Data entries:
====

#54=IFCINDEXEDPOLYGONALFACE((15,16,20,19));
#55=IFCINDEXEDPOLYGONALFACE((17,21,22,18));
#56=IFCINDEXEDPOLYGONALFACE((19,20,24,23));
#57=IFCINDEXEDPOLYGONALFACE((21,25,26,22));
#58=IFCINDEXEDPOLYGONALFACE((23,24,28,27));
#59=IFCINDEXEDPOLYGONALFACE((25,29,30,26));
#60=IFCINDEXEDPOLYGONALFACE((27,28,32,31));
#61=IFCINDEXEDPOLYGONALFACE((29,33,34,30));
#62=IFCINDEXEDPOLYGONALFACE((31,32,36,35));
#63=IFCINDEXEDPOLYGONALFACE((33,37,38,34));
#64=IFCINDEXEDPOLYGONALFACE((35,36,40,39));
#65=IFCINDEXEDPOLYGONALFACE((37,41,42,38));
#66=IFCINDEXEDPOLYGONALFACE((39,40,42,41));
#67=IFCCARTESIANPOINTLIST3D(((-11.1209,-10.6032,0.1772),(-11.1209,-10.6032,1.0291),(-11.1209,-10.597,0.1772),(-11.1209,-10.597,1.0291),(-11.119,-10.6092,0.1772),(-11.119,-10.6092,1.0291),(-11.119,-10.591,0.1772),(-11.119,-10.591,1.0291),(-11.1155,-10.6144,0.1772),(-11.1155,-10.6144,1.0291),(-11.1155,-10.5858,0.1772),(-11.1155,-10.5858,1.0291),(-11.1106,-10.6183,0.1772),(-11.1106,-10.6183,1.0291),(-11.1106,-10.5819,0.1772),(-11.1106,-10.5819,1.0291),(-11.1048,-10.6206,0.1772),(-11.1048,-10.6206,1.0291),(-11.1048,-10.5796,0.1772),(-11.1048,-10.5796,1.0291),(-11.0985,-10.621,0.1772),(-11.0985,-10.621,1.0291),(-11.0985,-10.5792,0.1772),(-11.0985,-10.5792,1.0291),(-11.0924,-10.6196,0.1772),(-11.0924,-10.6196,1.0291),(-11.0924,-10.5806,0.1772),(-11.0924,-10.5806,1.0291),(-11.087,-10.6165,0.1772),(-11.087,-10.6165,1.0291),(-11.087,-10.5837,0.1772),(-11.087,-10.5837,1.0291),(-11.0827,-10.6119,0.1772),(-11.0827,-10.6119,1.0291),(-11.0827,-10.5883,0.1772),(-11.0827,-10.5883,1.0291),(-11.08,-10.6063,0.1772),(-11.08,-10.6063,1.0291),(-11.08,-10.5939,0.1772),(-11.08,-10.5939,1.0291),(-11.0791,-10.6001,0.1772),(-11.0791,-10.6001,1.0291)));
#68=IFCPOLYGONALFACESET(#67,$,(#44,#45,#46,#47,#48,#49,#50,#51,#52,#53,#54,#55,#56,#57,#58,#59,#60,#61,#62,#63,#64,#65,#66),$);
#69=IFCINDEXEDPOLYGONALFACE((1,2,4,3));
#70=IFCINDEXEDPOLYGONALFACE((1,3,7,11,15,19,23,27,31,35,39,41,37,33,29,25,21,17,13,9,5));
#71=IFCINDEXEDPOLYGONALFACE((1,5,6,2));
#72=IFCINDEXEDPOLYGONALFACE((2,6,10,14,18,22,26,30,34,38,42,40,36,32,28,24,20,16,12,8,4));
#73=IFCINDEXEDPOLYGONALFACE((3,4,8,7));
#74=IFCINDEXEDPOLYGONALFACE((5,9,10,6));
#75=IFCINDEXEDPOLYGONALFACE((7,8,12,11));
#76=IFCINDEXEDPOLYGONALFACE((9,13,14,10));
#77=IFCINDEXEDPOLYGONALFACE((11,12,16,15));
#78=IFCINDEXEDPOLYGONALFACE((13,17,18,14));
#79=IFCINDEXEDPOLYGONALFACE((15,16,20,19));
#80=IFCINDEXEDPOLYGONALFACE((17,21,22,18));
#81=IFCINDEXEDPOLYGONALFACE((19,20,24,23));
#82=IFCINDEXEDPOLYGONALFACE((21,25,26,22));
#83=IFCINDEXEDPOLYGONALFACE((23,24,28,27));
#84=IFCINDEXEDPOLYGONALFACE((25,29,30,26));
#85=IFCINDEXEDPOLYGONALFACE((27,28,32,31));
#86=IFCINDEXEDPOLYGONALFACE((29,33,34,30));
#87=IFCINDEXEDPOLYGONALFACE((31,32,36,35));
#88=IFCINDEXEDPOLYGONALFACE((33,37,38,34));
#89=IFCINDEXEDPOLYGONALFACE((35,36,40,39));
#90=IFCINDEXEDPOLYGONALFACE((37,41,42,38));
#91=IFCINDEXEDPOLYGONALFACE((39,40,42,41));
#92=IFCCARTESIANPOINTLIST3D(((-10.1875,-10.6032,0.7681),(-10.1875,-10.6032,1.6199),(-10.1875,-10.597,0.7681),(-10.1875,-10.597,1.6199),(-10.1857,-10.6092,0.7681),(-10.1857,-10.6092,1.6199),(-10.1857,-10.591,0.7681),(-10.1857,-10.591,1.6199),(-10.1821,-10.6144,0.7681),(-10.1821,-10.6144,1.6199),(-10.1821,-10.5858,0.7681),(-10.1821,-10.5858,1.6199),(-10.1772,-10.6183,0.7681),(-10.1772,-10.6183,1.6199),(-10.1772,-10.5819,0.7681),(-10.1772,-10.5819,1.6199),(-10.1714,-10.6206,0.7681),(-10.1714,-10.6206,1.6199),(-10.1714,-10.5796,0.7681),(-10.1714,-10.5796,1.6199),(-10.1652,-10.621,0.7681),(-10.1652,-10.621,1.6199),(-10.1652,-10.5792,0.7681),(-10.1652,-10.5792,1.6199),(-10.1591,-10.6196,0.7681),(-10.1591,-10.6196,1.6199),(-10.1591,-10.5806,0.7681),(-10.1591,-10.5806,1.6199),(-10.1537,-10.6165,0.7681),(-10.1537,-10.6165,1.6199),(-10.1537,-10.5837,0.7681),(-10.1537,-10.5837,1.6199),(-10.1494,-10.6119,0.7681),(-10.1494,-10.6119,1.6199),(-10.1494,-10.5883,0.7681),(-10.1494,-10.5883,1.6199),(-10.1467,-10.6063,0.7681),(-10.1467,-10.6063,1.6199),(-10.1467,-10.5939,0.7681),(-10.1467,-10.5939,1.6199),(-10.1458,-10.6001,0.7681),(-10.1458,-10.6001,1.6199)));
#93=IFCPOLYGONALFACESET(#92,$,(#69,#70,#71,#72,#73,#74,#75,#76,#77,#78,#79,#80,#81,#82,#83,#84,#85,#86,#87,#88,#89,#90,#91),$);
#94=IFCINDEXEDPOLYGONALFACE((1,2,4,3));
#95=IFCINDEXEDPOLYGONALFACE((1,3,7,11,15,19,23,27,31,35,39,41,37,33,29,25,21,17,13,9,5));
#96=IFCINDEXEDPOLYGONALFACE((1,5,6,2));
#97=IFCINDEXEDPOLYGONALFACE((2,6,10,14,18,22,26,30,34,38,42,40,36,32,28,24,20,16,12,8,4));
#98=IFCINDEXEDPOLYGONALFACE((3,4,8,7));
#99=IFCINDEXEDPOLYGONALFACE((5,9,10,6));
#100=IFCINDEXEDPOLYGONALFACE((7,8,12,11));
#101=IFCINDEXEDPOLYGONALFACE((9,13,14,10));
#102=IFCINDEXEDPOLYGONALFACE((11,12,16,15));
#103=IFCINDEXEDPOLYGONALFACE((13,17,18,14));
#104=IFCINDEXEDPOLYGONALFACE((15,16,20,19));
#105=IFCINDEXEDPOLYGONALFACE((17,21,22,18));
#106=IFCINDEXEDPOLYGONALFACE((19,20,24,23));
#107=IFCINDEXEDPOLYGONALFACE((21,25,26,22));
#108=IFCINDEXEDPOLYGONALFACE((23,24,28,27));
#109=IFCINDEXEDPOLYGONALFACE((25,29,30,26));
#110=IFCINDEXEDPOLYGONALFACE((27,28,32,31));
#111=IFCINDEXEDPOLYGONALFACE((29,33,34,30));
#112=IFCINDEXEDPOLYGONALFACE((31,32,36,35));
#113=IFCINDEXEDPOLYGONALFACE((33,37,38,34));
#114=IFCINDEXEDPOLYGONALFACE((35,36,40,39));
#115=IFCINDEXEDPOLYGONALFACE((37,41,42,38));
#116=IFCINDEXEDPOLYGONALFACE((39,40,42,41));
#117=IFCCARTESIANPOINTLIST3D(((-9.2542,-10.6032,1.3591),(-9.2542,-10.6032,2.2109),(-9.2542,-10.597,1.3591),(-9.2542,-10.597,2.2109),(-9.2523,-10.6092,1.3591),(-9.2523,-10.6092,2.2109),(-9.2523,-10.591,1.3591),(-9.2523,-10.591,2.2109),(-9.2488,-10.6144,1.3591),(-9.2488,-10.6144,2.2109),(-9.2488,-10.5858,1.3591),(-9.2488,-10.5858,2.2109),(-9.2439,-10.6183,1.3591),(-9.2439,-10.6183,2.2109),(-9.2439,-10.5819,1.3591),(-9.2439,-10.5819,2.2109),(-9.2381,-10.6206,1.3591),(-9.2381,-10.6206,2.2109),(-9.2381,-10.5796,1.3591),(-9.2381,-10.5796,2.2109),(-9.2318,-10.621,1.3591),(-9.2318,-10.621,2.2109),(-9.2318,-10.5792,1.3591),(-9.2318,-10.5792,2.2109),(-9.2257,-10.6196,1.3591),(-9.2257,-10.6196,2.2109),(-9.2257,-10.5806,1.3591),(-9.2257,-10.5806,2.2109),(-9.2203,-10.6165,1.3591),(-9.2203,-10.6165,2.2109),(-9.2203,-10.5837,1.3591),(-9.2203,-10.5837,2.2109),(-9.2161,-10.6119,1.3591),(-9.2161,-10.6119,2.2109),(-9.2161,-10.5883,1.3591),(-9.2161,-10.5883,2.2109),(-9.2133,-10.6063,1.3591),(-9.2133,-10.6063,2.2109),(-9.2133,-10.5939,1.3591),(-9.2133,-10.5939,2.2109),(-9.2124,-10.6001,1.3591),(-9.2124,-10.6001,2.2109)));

====

Exercise description >>
Go through the records from the first line and copy each one exactly, ending after the line that contains "#74=IFCINDEXEDPOLYGONALFACE((5,9,10,6));". Give nothing else.

Response area >>
#54=IFCINDEXEDPOLYGONALFACE((15,16,20,19));
#55=IFCINDEXEDPOLYGONALFACE((17,21,22,18));
#56=IFCINDEXEDPOLYGONALFACE((19,20,24,23));
#57=IFCINDEXEDPOLYGONALFACE((21,25,26,22));
#58=IFCINDEXEDPOLYGONALFACE((23,24,28,27));
#59=IFCINDEXEDPOLYGONALFACE((25,29,30,26));
#60=IFCINDEXEDPOLYGONALFACE((27,28,32,31));
#61=IFCINDEXEDPOLYGONALFACE((29,33,34,30));
#62=IFCINDEXEDPOLYGONALFACE((31,32,36,35));
#63=IFCINDEXEDPOLYGONALFACE((33,37,38,34));
#64=IFCINDEXEDPOLYGONALFACE((35,36,40,39));
#65=IFCINDEXEDPOLYGONALFACE((37,41,42,38));
#66=IFCINDEXEDPOLYGONALFACE((39,40,42,41));
#67=IFCCARTESIANPOINTLIST3D(((-11.1209,-10.6032,0.1772),(-11.1209,-10.6032,1.0291),(-11.1209,-10.597,0.1772),(-11.1209,-10.597,1.0291),(-11.119,-10.6092,0.1772),(-11.119,-10.6092,1.0291),(-11.119,-10.591,0.1772),(-11.119,-10.591,1.0291),(-11.1155,-10.6144,0.1772),(-11.1155,-10.6144,1.0291),(-11.1155,-10.5858,0.1772),(-11.1155,-10.5858,1.0291),(-11.1106,-10.6183,0.1772),(-11.1106,-10.6183,1.0291),(-11.1106,-10.5819,0.1772),(-11.1106,-10.5819,1.0291),(-11.1048,-10.6206,0.1772),(-11.1048,-10.6206,1.0291),(-11.1048,-10.5796,0.1772),(-11.1048,-10.5796,1.0291),(-11.0985,-10.621,0.1772),(-11.0985,-10.621,1.0291),(-11.0985,-10.5792,0.1772),(-11.0985,-10.5792,1.0291),(-11.0924,-10.6196,0.1772),(-11.0924,-10.6196,1.0291),(-11.0924,-10.5806,0.1772),(-11.0924,-10.5806,1.0291),(-11.087,-10.6165,0.1772),(-11.087,-10.6165,1.0291),(-11.087,-10.5837,0.1772),(-11.087,-10.5837,1.0291),(-11.0827,-10.6119,0.1772),(-11.0827,-10.6119,1.0291),(-11.0827,-10.5883,0.1772),(-11.0827,-10.5883,1.0291),(-11.08,-10.6063,0.1772),(-11.08,-10.6063,1.0291),(-11.08,-10.5939,0.1772),(-11.08,-10.5939,1.0291),(-11.0791,-10.6001,0.1772),(-11.0791,-10.6001,1.0291)));
#68=IFCPOLYGONALFACESET(#67,$,(#44,#45,#46,#47,#48,#49,#50,#51,#52,#53,#54,#55,#56,#57,#58,#59,#60,#61,#62,#63,#64,#65,#66),$);
#69=IFCINDEXEDPOLYGONALFACE((1,2,4,3));
#70=IFCINDEXEDPOLYGONALFACE((1,3,7,11,15,19,23,27,31,35,39,41,37,33,29,25,21,17,13,9,5));
#71=IFCINDEXEDPOLYGONALFACE((1,5,6,2));
#72=IFCINDEXEDPOLYGONALFACE((2,6,10,14,18,22,26,30,34,38,42,40,36,32,28,24,20,16,12,8,4));
#73=IFCINDEXEDPOLYGONALFACE((3,4,8,7));
#74=IFCINDEXEDPOLYGONALFACE((5,9,10,6));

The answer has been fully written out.